TASK OBJECTIVE – Output range, inclusive: from the line containing "#125=IFCINDEXEDPOLYGONALFACE((1,3,7,5));" to the line containing "#137=IFCINDEXEDPOLYGONALFACE((1,7,15,9));". Restate those lines from the data below word for word and only those.

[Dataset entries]
((
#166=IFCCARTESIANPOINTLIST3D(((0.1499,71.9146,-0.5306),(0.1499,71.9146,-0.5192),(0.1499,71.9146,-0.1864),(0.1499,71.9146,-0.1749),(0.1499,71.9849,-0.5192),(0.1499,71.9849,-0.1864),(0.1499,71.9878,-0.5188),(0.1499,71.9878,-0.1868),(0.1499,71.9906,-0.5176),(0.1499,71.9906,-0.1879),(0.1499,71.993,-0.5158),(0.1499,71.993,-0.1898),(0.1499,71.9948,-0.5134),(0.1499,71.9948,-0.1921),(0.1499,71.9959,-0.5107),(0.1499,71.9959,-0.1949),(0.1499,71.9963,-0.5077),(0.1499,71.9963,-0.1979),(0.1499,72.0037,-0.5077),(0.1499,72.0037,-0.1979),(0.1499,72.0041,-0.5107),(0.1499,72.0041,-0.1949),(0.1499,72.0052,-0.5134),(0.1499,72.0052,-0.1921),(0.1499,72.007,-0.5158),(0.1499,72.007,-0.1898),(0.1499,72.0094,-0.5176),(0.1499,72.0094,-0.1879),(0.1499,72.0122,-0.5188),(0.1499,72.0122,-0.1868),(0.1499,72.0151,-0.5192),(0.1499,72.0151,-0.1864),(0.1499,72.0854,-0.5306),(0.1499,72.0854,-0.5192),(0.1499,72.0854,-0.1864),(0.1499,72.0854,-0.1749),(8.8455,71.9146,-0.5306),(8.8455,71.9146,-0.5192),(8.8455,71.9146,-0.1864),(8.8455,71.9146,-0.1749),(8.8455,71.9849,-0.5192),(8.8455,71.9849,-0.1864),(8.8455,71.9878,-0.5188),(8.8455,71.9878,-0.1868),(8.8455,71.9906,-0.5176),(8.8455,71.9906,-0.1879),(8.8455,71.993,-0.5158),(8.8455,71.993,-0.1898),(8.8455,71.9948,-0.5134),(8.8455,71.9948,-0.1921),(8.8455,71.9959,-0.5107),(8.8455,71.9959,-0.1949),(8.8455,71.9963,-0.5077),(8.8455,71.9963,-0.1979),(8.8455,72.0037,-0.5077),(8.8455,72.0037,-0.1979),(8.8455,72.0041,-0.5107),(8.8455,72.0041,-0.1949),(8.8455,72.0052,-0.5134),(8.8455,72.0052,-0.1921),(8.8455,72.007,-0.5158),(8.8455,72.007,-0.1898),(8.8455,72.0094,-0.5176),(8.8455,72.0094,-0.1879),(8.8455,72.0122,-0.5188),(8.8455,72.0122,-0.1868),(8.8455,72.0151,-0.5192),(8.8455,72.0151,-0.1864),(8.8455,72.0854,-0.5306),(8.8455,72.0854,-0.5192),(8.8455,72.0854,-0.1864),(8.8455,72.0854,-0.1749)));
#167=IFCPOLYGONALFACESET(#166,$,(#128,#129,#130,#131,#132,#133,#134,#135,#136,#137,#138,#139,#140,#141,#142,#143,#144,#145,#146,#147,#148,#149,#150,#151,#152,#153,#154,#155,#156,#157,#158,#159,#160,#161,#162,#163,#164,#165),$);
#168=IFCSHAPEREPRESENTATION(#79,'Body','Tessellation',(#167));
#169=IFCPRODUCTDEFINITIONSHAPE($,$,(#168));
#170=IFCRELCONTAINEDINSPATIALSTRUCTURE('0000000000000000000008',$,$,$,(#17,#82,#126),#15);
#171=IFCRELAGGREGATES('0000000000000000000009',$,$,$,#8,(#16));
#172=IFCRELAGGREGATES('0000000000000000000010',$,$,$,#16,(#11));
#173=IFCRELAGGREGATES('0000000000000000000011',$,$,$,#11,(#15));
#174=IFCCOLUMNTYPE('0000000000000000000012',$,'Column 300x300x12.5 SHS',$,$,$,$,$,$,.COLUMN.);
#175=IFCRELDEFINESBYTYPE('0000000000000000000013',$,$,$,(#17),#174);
))
((
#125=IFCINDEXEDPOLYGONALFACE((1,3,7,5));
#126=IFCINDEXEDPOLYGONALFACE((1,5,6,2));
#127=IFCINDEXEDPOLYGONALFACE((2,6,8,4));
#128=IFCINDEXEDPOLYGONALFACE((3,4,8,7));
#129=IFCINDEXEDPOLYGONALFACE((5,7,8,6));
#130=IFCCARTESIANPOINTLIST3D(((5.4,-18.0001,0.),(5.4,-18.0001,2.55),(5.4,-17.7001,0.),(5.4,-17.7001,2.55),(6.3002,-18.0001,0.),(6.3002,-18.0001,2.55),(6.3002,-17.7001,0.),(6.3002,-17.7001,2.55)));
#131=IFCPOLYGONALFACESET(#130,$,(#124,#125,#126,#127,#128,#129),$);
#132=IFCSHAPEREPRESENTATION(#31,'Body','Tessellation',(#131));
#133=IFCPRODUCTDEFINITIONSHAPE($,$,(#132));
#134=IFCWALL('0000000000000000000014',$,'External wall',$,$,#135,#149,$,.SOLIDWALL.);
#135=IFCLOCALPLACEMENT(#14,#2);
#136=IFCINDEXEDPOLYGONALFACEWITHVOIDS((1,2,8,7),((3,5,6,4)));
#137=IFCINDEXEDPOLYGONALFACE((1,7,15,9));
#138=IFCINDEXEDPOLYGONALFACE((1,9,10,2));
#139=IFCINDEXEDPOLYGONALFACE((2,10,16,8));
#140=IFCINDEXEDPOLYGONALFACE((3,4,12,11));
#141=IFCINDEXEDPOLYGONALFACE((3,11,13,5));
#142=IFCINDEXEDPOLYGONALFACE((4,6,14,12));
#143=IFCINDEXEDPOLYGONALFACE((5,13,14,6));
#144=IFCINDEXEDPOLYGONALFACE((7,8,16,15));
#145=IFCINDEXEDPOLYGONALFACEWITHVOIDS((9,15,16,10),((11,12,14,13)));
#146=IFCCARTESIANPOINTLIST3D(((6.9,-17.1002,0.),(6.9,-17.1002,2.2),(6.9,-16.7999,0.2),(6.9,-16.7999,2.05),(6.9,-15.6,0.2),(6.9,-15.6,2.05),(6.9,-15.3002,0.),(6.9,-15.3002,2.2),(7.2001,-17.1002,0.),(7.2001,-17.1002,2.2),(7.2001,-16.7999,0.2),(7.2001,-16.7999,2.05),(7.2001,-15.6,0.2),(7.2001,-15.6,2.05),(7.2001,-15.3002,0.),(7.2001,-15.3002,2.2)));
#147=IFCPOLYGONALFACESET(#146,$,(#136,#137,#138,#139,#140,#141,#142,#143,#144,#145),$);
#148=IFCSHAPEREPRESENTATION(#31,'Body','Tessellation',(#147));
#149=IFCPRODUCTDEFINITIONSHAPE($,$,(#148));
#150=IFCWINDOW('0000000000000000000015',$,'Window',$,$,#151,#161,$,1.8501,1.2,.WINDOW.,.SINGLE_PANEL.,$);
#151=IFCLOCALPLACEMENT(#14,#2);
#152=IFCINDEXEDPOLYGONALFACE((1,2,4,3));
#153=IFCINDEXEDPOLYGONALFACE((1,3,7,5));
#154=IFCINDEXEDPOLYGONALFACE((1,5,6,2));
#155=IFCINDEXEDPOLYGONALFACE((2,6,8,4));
))
WRITTEN RESPONSE –
#125=IFCINDEXEDPOLYGONALFACE((1,3,7,5));
#126=IFCINDEXEDPOLYGONALFACE((1,5,6,2));
#127=IFCINDEXEDPOLYGONALFACE((2,6,8,4));
#128=IFCINDEXEDPOLYGONALFACE((3,4,8,7));
#129=IFCINDEXEDPOLYGONALFACE((5,7,8,6));
#130=IFCCARTESIANPOINTLIST3D(((5.4,-18.0001,0.),(5.4,-18.0001,2.55),(5.4,-17.7001,0.),(5.4,-17.7001,2.55),(6.3002,-18.0001,0.),(6.3002,-18.0001,2.55),(6.3002,-17.7001,0.),(6.3002,-17.7001,2.55)));
#131=IFCPOLYGONALFACESET(#130,$,(#124,#125,#126,#127,#128,#129),$);
#132=IFCSHAPEREPRESENTATION(#31,'Body','Tessellation',(#131));
#133=IFCPRODUCTDEFINITIONSHAPE($,$,(#132));
#134=IFCWALL('0000000000000000000014',$,'External wall',$,$,#135,#149,$,.SOLIDWALL.);
#135=IFCLOCALPLACEMENT(#14,#2);
#136=IFCINDEXEDPOLYGONALFACEWITHVOIDS((1,2,8,7),((3,5,6,4)));
#137=IFCINDEXEDPOLYGONALFACE((1,7,15,9));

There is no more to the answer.